■ **Task directions**
Only one span of the listing below should come back. It runs from the line with "FILE_SCHEMA(('IFC4'));" through the line with "#5=IFCSIUNIT(*,.LENGTHUNIT.,$,.METRE.);", and each of its lines must be reproduced exactly.

■ **The data**

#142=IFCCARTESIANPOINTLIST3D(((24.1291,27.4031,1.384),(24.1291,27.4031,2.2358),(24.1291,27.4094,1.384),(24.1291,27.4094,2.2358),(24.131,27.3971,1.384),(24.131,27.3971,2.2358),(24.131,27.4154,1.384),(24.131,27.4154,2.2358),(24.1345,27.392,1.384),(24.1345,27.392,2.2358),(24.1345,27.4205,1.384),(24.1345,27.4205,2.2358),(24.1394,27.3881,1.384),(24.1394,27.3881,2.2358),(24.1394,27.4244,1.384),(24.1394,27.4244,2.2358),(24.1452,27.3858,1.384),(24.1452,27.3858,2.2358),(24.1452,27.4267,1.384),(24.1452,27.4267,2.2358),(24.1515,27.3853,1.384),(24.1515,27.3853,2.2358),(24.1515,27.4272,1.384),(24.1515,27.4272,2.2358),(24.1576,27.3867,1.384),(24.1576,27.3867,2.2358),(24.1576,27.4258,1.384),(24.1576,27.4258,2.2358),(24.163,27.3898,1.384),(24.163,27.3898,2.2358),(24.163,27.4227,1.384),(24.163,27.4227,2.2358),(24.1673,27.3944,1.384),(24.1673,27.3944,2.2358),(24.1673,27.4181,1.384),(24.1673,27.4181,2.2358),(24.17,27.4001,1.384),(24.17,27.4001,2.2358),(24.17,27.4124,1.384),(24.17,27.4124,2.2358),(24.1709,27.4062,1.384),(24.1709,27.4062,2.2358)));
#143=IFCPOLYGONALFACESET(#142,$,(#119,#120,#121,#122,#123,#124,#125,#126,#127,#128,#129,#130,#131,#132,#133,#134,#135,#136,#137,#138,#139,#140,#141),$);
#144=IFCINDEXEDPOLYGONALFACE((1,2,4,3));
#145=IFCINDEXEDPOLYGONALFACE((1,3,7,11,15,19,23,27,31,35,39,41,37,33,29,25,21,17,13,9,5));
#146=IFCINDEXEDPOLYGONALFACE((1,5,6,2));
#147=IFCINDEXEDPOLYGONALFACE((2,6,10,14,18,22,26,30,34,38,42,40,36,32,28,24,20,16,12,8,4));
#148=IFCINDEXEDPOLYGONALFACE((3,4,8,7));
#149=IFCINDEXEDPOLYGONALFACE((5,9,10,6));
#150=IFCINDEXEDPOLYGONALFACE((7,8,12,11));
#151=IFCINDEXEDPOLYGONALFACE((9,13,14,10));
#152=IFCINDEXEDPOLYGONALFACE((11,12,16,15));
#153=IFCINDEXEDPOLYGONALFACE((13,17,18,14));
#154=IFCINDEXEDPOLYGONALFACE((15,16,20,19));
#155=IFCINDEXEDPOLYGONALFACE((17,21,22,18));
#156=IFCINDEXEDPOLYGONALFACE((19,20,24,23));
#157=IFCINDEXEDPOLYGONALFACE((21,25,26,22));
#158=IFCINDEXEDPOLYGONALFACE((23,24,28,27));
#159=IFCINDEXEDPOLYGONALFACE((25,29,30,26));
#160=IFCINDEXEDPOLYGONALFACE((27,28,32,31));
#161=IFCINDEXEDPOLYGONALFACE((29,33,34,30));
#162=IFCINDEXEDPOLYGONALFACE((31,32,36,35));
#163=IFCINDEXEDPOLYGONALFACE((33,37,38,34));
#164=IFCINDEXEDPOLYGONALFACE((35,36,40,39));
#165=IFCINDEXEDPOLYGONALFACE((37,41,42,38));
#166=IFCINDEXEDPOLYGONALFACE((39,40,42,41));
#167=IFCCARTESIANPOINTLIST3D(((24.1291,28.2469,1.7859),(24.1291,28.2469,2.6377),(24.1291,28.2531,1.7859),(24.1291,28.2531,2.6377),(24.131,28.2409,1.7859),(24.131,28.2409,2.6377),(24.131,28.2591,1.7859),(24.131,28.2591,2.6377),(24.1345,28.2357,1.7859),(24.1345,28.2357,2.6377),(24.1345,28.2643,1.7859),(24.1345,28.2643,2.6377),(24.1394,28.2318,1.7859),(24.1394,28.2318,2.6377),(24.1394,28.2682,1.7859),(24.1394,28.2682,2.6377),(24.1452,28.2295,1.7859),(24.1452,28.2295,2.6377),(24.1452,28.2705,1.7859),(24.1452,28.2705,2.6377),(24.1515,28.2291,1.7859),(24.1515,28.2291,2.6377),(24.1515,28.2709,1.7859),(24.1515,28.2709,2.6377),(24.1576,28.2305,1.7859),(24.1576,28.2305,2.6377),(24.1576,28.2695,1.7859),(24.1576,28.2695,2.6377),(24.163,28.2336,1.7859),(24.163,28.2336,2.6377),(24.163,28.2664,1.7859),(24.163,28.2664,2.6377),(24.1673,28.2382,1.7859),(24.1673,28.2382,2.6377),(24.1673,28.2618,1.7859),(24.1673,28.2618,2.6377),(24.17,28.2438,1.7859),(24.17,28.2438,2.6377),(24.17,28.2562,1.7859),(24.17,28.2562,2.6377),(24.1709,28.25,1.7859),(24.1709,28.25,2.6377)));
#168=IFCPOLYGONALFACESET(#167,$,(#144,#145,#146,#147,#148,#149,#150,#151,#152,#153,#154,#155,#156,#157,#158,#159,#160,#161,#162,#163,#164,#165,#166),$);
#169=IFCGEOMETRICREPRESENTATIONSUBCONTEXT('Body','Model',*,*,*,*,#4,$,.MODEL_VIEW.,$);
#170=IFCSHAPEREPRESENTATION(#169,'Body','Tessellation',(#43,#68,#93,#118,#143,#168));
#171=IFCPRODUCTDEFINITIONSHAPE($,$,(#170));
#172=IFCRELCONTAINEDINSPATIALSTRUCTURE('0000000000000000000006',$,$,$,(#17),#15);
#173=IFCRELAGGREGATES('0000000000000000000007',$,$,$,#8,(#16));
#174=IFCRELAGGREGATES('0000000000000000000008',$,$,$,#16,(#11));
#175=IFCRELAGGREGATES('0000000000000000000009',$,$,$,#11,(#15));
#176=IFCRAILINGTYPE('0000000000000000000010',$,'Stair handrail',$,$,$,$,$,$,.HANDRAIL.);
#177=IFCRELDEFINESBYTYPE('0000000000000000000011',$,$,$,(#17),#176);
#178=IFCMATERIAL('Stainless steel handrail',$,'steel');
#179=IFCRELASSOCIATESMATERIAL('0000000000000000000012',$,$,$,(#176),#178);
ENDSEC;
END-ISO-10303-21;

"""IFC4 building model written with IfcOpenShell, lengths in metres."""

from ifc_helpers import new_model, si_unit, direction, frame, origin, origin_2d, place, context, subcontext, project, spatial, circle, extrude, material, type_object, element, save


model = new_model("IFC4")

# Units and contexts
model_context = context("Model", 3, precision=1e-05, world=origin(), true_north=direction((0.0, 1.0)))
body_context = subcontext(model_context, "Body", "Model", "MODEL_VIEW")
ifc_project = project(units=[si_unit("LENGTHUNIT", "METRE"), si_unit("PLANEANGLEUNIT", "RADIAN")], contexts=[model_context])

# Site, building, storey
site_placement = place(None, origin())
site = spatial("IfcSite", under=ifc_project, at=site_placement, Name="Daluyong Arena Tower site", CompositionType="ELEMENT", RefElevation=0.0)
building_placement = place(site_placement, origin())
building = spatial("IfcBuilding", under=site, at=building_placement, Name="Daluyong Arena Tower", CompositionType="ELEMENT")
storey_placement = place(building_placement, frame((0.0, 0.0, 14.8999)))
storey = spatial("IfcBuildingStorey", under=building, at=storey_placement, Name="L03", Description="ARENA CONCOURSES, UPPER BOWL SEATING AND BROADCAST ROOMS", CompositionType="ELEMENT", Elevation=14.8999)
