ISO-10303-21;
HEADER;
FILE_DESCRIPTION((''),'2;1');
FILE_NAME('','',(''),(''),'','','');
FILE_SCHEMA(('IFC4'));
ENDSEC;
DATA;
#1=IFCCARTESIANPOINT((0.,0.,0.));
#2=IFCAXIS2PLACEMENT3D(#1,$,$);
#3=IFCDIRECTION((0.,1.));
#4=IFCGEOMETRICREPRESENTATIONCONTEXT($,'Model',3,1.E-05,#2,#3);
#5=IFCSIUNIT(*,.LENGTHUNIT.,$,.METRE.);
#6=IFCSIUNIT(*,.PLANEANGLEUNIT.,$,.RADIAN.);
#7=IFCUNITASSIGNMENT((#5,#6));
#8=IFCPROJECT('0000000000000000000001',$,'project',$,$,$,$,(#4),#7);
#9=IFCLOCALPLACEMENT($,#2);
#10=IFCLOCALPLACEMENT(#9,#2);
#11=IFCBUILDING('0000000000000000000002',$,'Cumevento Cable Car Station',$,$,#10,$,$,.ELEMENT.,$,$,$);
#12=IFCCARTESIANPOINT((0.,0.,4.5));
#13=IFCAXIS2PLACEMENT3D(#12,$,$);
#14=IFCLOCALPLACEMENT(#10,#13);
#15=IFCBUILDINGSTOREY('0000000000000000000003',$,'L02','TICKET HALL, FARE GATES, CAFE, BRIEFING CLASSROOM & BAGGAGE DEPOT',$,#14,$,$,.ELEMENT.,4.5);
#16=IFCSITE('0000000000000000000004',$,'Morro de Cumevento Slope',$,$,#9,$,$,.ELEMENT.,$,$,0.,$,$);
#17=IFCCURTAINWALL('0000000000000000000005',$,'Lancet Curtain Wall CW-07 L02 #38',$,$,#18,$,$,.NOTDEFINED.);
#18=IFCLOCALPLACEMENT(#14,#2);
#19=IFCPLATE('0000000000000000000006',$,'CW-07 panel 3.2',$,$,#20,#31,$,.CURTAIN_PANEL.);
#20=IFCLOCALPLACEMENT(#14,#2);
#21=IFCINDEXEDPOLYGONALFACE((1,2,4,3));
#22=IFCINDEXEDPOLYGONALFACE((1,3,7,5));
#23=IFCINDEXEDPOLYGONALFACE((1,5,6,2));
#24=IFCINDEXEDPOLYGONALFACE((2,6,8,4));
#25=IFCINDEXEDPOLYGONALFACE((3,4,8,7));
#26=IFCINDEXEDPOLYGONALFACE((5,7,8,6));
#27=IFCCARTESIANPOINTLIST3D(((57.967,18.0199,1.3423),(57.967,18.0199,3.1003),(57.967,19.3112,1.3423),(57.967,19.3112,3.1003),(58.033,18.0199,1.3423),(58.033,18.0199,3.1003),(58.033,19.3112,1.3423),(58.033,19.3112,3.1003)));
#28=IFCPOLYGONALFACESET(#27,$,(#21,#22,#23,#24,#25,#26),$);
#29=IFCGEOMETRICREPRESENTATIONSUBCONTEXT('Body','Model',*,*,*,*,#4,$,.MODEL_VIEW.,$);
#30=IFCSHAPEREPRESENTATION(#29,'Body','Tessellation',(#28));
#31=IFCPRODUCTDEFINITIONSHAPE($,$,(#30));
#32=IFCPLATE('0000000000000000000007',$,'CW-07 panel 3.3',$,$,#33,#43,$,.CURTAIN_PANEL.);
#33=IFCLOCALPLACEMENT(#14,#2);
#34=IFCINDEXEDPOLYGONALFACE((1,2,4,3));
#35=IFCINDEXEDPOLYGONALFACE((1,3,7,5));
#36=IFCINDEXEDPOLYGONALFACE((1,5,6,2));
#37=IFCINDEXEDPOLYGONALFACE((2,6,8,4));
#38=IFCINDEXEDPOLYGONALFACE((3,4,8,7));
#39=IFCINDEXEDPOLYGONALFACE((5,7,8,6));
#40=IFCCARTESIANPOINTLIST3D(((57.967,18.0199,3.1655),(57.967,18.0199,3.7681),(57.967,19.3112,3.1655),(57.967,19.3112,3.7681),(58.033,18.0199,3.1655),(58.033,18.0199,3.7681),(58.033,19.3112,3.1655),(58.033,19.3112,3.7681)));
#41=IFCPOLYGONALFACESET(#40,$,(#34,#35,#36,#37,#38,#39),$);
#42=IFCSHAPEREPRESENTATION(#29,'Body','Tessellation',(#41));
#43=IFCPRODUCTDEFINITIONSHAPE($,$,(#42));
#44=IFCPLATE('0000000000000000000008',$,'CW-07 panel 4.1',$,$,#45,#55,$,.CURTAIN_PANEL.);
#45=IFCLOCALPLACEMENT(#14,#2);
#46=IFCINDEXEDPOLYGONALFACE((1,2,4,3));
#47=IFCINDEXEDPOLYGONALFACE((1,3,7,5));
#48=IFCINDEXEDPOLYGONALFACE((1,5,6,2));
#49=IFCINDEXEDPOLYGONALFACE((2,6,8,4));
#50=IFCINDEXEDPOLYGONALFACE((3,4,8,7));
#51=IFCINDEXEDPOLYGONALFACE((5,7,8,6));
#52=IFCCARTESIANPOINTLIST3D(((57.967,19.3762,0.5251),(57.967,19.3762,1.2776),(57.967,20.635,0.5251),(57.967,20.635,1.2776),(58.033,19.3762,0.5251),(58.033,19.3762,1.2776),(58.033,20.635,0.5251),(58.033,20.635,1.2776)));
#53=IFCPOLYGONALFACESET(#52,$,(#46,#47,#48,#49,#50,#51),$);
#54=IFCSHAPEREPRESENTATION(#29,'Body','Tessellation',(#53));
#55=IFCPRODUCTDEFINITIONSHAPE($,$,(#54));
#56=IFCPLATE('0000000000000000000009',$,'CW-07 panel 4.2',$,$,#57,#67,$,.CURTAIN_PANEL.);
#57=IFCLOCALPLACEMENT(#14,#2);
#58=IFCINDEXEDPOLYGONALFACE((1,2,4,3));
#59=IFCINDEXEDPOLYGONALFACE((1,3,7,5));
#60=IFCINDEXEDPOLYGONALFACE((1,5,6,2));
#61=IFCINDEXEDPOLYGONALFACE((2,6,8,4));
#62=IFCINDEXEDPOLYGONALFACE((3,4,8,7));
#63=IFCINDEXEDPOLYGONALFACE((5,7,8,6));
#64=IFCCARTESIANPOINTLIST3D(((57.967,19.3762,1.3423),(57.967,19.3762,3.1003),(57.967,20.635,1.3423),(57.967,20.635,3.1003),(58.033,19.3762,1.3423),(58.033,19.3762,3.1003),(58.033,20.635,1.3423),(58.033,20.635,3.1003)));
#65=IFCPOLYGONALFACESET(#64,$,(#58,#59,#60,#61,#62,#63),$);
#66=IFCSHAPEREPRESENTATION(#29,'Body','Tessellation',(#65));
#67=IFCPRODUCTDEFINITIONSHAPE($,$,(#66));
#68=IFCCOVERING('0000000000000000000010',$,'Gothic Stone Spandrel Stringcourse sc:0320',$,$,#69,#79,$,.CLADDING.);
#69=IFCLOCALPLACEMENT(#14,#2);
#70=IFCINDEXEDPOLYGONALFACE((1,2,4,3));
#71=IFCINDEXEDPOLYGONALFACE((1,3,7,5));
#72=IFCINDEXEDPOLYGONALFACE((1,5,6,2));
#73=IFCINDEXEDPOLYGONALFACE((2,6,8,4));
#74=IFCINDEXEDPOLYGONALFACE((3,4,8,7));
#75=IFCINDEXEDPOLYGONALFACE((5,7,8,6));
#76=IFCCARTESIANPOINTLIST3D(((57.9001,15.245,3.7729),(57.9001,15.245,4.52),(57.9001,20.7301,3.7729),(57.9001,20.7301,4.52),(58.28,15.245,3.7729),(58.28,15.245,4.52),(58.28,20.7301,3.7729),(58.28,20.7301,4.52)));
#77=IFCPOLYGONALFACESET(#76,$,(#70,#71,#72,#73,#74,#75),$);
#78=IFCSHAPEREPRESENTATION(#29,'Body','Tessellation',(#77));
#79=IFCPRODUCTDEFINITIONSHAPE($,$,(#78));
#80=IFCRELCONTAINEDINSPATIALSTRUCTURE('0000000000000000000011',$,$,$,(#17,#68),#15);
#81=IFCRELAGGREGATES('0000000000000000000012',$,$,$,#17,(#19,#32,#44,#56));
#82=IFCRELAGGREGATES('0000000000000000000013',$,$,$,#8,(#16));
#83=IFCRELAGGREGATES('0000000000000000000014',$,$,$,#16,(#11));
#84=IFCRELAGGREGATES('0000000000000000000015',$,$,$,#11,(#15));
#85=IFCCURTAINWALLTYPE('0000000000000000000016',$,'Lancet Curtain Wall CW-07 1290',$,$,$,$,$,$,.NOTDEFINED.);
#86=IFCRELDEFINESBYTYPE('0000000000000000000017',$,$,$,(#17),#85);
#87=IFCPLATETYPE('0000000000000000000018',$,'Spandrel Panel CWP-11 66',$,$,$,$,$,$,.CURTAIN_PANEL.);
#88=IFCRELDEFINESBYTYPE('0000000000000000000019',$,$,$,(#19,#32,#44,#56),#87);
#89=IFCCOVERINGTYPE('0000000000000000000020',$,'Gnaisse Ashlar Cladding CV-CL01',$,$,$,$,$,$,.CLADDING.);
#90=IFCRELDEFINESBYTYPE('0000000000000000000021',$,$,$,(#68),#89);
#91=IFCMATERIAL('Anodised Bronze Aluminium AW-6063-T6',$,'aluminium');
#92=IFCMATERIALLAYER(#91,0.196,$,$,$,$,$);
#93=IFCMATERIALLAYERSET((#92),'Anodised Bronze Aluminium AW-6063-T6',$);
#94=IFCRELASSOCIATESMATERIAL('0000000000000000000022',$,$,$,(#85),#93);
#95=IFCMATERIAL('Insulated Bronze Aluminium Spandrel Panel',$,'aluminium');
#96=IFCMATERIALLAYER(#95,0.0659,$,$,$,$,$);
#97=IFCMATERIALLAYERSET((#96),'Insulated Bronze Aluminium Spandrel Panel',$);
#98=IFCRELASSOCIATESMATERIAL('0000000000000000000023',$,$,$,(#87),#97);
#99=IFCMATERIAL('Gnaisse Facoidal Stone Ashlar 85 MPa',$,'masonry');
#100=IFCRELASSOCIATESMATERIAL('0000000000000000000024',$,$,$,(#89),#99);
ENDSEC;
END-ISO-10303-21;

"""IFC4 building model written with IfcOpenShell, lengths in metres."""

from ifc_helpers import new_model, si_unit, direction, frame, origin, origin_2d, place, context, subcontext, project, spatial, rectangle, extrude, material, layer, layer_set, type_object, element, aggregate, save


model = new_model("IFC4")

# Units and contexts
model_context = context("Model", 3, precision=1e-05, world=origin(), true_north=direction((0.0, 1.0)))
body_context = subcontext(model_context, "Body", "Model", "MODEL_VIEW")
ifc_project = project(units=[si_unit("LENGTHUNIT", "METRE"), si_unit("PLANEANGLEUNIT", "RADIAN")], contexts=[model_context])

# Site, building, storey
site_placement = place(None, origin())
site = spatial("IfcSite", under=ifc_project, at=site_placement, Name="Morro de Cumevento Slope", CompositionType="ELEMENT", RefElevation=0.0)
building_placement = place(site_placement, origin())
building = spatial("IfcBuilding", under=site, at=building_placement, Name="Cumevento Cable Car Station", CompositionType="ELEMENT")
storey_placement = place(building_placement, frame((0.0, 0.0, 4.5)))
storey = spatial("IfcBuildingStorey", under=building, at=storey_placement, Name="L02", Description="TICKET HALL, FARE GATES, CAFE, BRIEFING CLASSROOM & BAGGAGE DEPOT", CompositionType="ELEMENT", Elevation=4.5)

# Curtain wall, plates
ifc_material_1 = material(Name="Anodised Bronze Aluminium AW-6063-T6", Category="aluminium")
ifc_layer_1 = layer(ifc_material_1, 0.196)
ifc_layer_set_1 = layer_set([ifc_layer_1], Name="Anodised Bronze Aluminium AW-6063-T6")
curtain_wall_type = type_object("IfcCurtainWallType", Name="Lancet Curtain Wall CW-07 1290", PredefinedType="NOTDEFINED", material=ifc_layer_set_1)
curtain_wall_placement = place(storey_placement, origin())
curtain_wall = element("IfcCurtainWall", 1, at=curtain_wall_placement, inside=storey, type_object=curtain_wall_type, Name="Lancet Curtain Wall CW-07 L02 #38", PredefinedType="NOTDEFINED")
ifc_material_2 = material(Name="Insulated Bronze Aluminium Spandrel Panel", Category="aluminium")
ifc_layer_2 = layer(ifc_material_2, 0.0659)
ifc_layer_set_2 = layer_set([ifc_layer_2], Name="Insulated Bronze Aluminium Spandrel Panel")
plate_type = type_object("IfcPlateType", Name="Spandrel Panel CWP-11 66", PredefinedType="CURTAIN_PANEL", material=ifc_layer_set_2)
plate_1_placement = place(storey_placement, frame((58.0, 18.6655, 1.3423), z_axis=(0.0, 0.0, 1.0), x_axis=(0.0, 1.0, 0.0)))
plate_1 = element("IfcPlate", 2, at=plate_1_placement, type_object=plate_type, Name="CW-07 panel 3.2", PredefinedType="CURTAIN_PANEL", context=body_context, shape_type="SweptSolid", body=[
    extrude(rectangle(XDim=1.2913, YDim=0.0659, at=origin_2d()), origin(), (0.0, 0.0, 1.0), 1.7581),
])
plate_2_placement = place(storey_placement, frame((58.0, 18.6655, 3.1655), z_axis=(0.0, 0.0, 1.0), x_axis=(0.0, 1.0, 0.0)))
plate_2 = element("IfcPlate", 3, at=plate_2_placement, type_object=plate_type, Name="CW-07 panel 3.3", PredefinedType="CURTAIN_PANEL", context=body_context, shape_type="SweptSolid", body=[
    extrude(rectangle(XDim=1.2913, YDim=0.0659, at=origin_2d()), origin(), (0.0, 0.0, 1.0), 0.6025),
])
plate_3_placement = place(storey_placement, frame((58.0, 20.0056, 0.5251), z_axis=(0.0, 0.0, 1.0), x_axis=(0.0, 1.0, 0.0)))
plate_3 = element("IfcPlate", 4, at=plate_3_placement, type_object=plate_type, Name="CW-07 panel 4.1", PredefinedType="CURTAIN_PANEL", context=body_context, shape_type="SweptSolid", body=[
    extrude(rectangle(XDim=1.2588, YDim=0.0659, at=origin_2d()), origin(), (0.0, 0.0, 1.0), 0.7524),
])
plate_4_placement = place(storey_placement, frame((58.0, 20.0056, 1.3423), z_axis=(0.0, 0.0, 1.0), x_axis=(0.0, 1.0, 0.0)))
plate_4 = element("IfcPlate", 5, at=plate_4_placement, type_object=plate_type, Name="CW-07 panel 4.2", PredefinedType="CURTAIN_PANEL", context=body_context, shape_type="SweptSolid", body=[
    extrude(rectangle(XDim=1.2588, YDim=0.0659, at=origin_2d()), origin(), (0.0, 0.0, 1.0), 1.7581),
])
aggregate(curtain_wall, [plate_1, plate_2, plate_3, plate_4])

# Covering
ifc_material_3 = material(Name="Gnaisse Facoidal Stone Ashlar 85 MPa", Category="masonry")
covering_type = type_object("IfcCoveringType", Name="Gnaisse Ashlar Cladding CV-CL01", PredefinedType="CLADDING", material=ifc_material_3)
covering_placement = place(storey_placement, frame((58.0901, 17.9875, 3.7729), z_axis=(0.0, 0.0, 1.0), x_axis=(0.0, 1.0, 0.0)))
element("IfcCovering", 6, at=covering_placement, inside=storey, type_object=covering_type, Name="Gothic Stone Spandrel Stringcourse sc:0320", PredefinedType="CLADDING", context=body_context, shape_type="SweptSolid", body=[
    extrude(rectangle(XDim=5.4851, YDim=0.3799, at=origin_2d()), origin(), (0.0, 0.0, 1.0), 0.7471),
])

save(model, "model.ifc")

■ **Solution**
FILE_SCHEMA(('IFC4'));
ENDSEC;
DATA;
#1=IFCCARTESIANPOINT((0.,0.,0.));
#2=IFCAXIS2PLACEMENT3D(#1,$,$);
#3=IFCDIRECTION((0.,1.));
#4=IFCGEOMETRICREPRESENTATIONCONTEXT($,'Model',3,1.E-05,#2,#3);
#5=IFCSIUNIT(*,.LENGTHUNIT.,$,.METRE.);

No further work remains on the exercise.